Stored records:
▬▬▬

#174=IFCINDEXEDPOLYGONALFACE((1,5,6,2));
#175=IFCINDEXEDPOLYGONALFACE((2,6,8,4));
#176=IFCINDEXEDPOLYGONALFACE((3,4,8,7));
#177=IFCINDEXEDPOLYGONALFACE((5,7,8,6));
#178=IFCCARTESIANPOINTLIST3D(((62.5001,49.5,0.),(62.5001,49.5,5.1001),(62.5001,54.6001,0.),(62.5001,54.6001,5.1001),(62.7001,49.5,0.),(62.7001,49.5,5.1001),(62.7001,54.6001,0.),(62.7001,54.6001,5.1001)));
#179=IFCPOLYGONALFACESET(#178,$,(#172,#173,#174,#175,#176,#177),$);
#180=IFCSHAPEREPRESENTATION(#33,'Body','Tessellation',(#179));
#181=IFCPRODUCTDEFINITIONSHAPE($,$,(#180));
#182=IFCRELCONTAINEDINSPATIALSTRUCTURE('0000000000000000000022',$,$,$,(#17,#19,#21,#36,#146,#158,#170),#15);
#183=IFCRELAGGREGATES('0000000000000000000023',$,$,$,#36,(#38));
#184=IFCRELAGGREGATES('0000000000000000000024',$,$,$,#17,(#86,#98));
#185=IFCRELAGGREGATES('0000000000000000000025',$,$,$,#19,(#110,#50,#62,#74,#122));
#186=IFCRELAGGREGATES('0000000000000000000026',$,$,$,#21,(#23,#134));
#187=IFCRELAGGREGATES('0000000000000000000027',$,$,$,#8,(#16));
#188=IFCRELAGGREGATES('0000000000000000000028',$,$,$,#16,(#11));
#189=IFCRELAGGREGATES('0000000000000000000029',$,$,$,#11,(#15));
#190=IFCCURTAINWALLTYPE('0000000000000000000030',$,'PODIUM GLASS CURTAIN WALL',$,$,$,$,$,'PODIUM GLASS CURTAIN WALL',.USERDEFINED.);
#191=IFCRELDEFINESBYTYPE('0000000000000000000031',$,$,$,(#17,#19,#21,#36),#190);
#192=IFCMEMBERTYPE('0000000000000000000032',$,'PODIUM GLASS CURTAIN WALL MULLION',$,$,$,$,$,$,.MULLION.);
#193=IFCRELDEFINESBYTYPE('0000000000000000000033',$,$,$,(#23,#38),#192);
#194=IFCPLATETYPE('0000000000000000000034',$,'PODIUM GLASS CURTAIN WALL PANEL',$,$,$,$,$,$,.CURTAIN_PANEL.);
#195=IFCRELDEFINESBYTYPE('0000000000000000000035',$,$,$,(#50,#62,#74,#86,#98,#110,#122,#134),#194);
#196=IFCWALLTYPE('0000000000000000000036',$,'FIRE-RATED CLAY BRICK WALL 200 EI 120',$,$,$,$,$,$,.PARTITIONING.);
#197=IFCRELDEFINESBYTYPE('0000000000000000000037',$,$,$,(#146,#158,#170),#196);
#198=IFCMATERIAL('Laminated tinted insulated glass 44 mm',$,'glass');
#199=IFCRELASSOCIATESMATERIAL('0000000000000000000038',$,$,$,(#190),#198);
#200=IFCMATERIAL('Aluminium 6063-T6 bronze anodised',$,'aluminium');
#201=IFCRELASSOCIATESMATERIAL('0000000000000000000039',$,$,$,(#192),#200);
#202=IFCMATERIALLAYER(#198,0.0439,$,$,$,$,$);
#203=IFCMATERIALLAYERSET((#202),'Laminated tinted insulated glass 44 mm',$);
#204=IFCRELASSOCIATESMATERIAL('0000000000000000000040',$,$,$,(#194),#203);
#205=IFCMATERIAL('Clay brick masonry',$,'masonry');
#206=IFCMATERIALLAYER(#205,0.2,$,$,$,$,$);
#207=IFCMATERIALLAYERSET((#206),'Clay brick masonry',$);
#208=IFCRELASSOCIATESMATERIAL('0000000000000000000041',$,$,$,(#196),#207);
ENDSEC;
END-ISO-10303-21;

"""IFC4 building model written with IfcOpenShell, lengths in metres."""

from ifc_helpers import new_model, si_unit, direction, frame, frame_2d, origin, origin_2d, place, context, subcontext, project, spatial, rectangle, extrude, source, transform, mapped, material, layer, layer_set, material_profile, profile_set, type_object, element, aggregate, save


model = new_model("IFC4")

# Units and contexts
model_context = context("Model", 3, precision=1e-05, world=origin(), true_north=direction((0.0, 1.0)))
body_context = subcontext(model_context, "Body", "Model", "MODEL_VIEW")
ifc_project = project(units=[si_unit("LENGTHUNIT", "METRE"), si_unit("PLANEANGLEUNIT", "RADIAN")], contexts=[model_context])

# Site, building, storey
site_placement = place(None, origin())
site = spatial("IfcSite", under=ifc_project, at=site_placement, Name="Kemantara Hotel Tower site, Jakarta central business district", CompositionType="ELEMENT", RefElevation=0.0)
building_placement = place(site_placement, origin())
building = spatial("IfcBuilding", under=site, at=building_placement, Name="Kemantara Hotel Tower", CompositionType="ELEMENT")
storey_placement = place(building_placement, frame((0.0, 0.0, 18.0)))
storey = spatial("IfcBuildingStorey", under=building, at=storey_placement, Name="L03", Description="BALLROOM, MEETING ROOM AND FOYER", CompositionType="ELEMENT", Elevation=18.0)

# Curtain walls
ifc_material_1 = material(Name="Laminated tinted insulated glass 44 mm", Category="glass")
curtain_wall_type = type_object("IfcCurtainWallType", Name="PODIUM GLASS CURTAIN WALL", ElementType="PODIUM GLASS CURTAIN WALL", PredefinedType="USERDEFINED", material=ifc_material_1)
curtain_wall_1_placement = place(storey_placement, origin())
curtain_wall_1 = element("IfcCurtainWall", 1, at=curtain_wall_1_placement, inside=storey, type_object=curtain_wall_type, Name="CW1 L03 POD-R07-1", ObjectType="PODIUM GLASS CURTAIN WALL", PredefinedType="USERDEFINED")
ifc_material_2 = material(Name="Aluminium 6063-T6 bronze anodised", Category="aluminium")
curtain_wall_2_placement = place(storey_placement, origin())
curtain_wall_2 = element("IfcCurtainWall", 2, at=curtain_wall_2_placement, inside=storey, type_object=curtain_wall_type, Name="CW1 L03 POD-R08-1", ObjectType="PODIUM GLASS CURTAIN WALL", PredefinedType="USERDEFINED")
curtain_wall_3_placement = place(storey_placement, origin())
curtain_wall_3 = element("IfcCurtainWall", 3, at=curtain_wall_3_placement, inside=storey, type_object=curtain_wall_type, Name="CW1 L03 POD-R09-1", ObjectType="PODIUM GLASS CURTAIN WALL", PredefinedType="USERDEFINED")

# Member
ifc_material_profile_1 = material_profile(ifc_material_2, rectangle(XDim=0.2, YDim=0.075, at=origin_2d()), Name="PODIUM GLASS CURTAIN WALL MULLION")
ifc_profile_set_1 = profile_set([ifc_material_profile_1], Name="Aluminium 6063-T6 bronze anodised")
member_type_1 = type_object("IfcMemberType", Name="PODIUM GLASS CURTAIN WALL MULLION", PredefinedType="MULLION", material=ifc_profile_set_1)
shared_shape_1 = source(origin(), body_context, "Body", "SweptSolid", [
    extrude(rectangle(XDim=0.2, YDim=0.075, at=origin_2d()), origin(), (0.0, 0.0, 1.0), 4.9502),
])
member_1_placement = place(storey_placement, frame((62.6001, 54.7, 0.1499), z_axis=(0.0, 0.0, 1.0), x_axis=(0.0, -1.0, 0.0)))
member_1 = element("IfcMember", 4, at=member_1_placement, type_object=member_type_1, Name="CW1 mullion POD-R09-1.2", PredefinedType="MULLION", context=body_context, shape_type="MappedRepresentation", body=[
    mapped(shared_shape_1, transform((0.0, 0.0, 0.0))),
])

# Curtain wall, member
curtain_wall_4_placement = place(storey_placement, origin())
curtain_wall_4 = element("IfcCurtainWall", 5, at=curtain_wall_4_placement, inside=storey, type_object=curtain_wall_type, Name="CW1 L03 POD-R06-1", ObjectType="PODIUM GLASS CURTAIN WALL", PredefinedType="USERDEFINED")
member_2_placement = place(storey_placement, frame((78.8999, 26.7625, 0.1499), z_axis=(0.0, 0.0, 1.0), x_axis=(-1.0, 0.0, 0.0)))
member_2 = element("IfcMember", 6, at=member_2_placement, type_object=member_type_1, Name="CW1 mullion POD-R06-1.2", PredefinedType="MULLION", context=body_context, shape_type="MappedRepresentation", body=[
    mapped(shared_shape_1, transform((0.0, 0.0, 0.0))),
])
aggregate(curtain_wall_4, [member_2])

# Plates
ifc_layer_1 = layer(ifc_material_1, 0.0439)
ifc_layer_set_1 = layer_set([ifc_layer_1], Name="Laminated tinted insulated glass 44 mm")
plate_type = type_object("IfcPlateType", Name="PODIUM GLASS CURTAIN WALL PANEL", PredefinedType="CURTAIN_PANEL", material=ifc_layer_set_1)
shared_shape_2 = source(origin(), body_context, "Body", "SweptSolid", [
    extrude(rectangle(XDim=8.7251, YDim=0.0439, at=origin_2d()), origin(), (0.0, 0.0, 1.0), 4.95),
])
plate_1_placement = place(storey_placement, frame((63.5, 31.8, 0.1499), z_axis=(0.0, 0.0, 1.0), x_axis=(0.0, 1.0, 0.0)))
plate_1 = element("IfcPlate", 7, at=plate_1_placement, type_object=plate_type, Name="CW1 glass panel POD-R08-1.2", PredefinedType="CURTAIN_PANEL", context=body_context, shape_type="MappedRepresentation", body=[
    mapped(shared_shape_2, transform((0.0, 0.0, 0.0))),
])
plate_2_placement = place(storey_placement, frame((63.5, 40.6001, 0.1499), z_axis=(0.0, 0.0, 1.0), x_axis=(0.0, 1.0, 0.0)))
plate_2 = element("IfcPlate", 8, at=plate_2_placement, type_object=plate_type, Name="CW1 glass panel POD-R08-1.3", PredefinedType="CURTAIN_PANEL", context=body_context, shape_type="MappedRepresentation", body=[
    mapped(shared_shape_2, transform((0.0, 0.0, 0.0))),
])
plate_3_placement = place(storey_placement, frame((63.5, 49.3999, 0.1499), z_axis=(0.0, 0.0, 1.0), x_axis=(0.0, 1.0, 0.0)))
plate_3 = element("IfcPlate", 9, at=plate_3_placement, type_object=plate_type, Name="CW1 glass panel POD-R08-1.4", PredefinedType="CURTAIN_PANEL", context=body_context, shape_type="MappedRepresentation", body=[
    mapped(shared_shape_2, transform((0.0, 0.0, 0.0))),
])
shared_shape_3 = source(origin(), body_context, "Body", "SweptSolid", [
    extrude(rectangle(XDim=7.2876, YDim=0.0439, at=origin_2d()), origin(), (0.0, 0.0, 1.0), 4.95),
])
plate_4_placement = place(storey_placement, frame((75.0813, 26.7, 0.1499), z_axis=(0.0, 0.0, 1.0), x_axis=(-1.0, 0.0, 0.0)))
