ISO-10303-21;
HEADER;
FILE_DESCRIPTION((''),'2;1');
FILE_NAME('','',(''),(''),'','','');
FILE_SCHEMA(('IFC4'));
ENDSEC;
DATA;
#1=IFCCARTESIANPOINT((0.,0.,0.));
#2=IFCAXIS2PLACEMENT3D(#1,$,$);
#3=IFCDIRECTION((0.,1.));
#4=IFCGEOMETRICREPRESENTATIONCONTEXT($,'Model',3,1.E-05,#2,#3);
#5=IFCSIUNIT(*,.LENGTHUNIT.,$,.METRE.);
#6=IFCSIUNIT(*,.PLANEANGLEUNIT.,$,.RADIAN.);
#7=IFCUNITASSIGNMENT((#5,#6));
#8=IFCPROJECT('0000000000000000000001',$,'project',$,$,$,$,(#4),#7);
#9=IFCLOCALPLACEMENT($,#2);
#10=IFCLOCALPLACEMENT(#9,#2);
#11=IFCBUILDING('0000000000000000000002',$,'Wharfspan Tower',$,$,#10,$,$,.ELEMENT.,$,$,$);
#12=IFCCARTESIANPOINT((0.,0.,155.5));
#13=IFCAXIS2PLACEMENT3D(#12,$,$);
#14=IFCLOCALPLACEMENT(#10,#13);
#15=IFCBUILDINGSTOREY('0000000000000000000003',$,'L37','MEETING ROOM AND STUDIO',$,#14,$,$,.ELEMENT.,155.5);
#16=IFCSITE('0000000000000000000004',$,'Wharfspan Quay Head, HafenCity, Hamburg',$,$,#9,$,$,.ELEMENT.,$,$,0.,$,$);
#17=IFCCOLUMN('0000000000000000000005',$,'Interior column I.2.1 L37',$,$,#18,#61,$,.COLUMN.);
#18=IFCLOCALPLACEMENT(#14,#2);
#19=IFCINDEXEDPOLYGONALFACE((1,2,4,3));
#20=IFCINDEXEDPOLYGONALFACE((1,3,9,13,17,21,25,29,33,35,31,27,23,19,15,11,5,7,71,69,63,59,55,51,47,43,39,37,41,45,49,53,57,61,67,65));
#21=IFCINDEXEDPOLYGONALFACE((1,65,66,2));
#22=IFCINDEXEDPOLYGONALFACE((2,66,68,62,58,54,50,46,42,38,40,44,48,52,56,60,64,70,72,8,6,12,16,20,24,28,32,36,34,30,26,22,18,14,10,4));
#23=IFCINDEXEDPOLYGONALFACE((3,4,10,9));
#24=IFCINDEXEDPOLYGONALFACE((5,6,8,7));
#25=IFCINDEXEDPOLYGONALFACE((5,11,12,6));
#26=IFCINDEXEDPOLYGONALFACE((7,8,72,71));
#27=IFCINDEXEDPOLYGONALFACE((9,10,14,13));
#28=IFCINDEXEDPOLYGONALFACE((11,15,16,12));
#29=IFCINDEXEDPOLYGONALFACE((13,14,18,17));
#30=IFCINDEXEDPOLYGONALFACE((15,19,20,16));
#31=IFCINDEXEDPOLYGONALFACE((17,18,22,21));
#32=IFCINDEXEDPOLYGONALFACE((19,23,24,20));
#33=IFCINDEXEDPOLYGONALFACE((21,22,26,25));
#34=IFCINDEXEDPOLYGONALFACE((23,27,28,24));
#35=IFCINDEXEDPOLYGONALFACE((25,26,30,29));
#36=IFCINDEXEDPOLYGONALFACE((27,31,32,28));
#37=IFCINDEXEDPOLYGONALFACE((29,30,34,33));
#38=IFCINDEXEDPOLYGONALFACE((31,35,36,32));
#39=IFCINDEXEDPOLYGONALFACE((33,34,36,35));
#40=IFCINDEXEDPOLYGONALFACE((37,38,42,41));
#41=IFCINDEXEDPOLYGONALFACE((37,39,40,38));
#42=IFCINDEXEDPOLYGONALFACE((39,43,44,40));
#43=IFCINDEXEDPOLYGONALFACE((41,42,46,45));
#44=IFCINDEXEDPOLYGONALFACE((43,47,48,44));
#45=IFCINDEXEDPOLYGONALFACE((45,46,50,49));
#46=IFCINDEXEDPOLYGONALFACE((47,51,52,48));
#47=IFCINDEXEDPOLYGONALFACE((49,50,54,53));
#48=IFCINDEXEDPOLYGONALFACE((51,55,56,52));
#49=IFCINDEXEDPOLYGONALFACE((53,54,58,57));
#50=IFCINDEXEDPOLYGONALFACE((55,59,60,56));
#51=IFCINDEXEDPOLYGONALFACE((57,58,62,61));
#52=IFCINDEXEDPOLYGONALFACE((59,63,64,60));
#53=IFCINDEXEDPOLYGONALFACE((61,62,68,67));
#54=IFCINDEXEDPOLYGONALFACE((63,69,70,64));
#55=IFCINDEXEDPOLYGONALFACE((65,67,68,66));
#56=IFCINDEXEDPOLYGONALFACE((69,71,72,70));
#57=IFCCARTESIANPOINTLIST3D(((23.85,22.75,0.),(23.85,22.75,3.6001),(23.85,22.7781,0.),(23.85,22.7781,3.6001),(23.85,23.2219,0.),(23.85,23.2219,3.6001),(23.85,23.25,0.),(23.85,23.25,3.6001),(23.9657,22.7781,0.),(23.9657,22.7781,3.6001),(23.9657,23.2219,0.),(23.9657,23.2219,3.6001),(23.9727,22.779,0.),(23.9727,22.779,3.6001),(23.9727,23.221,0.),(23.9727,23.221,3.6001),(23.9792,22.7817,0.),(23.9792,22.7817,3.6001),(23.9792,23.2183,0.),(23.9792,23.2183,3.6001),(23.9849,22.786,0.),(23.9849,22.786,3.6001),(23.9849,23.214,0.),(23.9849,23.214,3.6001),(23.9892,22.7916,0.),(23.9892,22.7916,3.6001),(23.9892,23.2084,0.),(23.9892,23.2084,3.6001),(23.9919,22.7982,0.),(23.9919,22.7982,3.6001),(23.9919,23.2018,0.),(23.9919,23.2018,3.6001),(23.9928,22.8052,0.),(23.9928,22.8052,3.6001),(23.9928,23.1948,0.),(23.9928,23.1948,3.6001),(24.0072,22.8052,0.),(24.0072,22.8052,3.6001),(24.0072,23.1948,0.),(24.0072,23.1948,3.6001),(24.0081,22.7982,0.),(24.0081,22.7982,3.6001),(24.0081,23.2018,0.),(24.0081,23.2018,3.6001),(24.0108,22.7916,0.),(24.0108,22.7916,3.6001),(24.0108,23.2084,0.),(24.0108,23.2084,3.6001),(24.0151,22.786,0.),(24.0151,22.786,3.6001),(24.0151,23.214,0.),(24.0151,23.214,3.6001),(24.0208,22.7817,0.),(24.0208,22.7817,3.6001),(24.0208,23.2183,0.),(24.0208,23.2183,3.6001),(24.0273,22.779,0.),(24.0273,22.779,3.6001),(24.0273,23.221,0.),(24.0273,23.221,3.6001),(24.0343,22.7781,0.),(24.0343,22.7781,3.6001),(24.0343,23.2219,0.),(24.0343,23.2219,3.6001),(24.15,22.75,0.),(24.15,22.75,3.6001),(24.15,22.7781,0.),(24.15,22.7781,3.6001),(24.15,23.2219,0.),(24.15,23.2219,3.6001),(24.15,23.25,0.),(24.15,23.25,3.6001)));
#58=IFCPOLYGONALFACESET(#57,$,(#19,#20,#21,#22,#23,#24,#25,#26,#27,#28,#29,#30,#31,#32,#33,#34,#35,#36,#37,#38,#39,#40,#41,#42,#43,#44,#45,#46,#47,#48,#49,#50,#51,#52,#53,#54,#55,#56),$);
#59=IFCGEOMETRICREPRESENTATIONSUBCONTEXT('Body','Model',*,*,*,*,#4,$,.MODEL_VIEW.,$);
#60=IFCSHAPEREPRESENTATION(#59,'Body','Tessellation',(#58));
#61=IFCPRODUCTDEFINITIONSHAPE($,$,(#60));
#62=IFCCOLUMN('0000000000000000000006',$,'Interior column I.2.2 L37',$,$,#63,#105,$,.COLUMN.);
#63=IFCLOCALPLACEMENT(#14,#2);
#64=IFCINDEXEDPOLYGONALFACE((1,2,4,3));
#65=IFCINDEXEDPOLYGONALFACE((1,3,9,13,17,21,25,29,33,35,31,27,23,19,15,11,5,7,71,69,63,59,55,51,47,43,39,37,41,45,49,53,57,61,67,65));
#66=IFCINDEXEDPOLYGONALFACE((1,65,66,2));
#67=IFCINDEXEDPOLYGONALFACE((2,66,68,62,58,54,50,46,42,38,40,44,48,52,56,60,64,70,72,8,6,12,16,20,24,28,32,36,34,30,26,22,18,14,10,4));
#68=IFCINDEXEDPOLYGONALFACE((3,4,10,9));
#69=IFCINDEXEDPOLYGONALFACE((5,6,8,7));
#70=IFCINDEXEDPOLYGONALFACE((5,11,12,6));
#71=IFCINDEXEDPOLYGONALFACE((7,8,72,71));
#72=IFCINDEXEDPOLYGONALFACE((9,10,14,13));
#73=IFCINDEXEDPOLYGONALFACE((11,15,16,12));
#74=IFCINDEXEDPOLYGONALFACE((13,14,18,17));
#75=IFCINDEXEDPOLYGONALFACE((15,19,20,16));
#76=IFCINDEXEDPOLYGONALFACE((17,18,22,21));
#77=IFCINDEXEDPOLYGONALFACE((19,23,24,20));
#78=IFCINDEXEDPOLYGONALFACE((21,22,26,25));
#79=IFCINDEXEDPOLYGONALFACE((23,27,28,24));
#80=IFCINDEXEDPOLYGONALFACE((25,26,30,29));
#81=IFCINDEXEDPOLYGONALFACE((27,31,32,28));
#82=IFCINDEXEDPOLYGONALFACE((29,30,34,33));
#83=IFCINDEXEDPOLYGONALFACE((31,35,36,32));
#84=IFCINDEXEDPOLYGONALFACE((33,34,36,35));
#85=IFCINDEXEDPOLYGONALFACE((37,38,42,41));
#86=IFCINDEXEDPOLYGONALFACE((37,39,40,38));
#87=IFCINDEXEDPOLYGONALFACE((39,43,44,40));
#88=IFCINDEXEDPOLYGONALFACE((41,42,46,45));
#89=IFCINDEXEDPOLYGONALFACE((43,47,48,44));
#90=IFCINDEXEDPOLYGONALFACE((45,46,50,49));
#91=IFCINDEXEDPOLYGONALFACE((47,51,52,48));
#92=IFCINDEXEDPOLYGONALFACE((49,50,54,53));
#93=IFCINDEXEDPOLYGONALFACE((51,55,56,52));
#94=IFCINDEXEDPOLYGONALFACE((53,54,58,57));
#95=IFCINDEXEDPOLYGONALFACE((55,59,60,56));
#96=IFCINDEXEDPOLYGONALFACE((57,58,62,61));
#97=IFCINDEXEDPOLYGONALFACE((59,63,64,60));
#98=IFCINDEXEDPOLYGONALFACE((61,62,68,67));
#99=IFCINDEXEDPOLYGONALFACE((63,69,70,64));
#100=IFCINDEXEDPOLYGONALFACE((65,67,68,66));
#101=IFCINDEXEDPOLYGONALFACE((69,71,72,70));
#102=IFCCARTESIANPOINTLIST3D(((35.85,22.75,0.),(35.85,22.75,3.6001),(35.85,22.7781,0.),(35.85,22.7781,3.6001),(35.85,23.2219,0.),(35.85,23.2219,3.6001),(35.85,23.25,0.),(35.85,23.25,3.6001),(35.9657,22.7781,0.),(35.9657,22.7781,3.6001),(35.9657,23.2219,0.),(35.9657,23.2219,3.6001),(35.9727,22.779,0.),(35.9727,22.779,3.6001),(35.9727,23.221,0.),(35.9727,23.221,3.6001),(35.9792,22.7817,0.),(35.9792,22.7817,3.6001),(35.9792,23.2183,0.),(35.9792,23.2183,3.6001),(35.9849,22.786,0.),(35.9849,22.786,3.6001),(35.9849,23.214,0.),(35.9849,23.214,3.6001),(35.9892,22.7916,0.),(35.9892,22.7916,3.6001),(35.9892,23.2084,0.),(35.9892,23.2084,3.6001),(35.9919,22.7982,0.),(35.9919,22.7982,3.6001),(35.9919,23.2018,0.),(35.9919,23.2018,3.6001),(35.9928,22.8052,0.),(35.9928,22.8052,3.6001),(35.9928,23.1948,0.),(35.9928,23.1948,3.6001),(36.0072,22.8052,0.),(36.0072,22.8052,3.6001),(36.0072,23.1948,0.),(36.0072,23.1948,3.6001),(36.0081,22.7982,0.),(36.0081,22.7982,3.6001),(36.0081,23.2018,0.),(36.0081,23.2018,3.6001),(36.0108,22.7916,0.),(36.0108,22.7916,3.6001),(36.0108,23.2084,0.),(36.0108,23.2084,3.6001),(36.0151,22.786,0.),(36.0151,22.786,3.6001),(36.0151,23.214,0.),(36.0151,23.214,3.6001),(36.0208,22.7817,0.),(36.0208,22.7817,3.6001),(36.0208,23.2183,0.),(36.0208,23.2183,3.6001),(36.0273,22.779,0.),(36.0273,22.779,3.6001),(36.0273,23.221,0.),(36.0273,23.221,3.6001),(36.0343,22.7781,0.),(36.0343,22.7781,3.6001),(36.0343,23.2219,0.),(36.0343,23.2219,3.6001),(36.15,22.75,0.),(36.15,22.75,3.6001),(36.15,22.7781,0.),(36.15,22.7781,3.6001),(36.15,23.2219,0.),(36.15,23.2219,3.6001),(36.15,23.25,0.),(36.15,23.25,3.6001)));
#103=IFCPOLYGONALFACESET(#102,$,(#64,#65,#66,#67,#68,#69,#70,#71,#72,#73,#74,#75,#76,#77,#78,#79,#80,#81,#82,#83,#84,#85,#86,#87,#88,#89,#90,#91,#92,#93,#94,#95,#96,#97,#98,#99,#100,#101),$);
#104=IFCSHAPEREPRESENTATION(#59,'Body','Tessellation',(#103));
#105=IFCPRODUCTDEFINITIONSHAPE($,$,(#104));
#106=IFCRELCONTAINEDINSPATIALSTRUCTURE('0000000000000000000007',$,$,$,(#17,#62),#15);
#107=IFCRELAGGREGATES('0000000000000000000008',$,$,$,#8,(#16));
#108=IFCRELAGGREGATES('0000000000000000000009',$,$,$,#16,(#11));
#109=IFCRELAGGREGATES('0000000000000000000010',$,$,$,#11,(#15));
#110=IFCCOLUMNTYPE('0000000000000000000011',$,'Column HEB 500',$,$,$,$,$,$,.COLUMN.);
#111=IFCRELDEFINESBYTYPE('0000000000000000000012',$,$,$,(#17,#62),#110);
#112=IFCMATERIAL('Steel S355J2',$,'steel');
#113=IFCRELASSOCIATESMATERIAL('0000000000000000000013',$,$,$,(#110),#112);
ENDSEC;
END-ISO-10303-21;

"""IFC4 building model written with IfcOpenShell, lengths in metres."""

from ifc_helpers import new_model, si_unit, direction, frame, origin, origin_2d, place, context, subcontext, project, spatial, i_section, extrude, material, material_profile, profile_set, type_object, element, save


model = new_model("IFC4")

# Units and contexts
model_context = context("Model", 3, precision=1e-05, world=origin(), true_north=direction((0.0, 1.0)))
body_context = subcontext(model_context, "Body", "Model", "MODEL_VIEW")
ifc_project = project(units=[si_unit("LENGTHUNIT", "METRE"), si_unit("PLANEANGLEUNIT", "RADIAN")], contexts=[model_context])

# Site, building, storey
site_placement = place(None, origin())
site = spatial("IfcSite", under=ifc_project, at=site_placement, Name="Wharfspan Quay Head, HafenCity, Hamburg", CompositionType="ELEMENT", RefElevation=0.0)
building_placement = place(site_placement, origin())
building = spatial("IfcBuilding", under=site, at=building_placement, Name="Wharfspan Tower", CompositionType="ELEMENT")
storey_placement = place(building_placement, frame((0.0, 0.0, 155.5)))
storey = spatial("IfcBuildingStorey", under=building, at=storey_placement, Name="L37", Description="MEETING ROOM AND STUDIO", CompositionType="ELEMENT", Elevation=155.5)

# Columns
ifc_material_1 = material(Name="Steel S355J2", Category="steel")
ifc_material_profile = material_profile(ifc_material_1, i_section(OverallWidth=0.3, OverallDepth=0.5, WebThickness=0.0144, FlangeThickness=0.0281, FilletRadius=0.0271, at=origin_2d()))
ifc_profile_set = profile_set([ifc_material_profile], Name="Steel S355J2")
column_type = type_object("IfcColumnType", Name="Column HEB 500", PredefinedType="COLUMN", material=ifc_profile_set)
for number, where, z_axis, x_axis, name in (
    (1, (24.0, 23.0, 0.0), (0.0, 0.0, 1.0), (1.0, 0.0, 0.0), "Interior column I.2.1 L37"),
    (2, (36.0, 23.0, 0.0), (0.0, 0.0, 1.0), (1.0, 0.0, 0.0), "Interior column I.2.2 L37"),
):
    element("IfcColumn", number, at=place(storey_placement, frame(where, z_axis=z_axis, x_axis=x_axis)), inside=storey, type_object=column_type, Name=name, PredefinedType="COLUMN", context=body_context, shape_type="SweptSolid", body=[
        extrude(i_section(OverallWidth=0.3, OverallDepth=0.5, WebThickness=0.0144, FlangeThickness=0.0281, FilletRadius=0.0271, at=origin_2d()), origin(), (0.0, 0.0, 1.0), 3.6001),
    ])

save(model, "model.ifc")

▬▬▬

_WHAT TO PRODUCE:_ Reproduce each line of the records in which "anodised" appears.

_PROBLEM SOLUTION:_
#200=IFCMATERIAL('Aluminium 6063-T6 bronze anodised',$,'aluminium');
ifc_material_2 = material(Name="Aluminium 6063-T6 bronze anodised", Category="aluminium")
ifc_profile_set_1 = profile_set([ifc_material_profile_1], Name="Aluminium 6063-T6 bronze anodised")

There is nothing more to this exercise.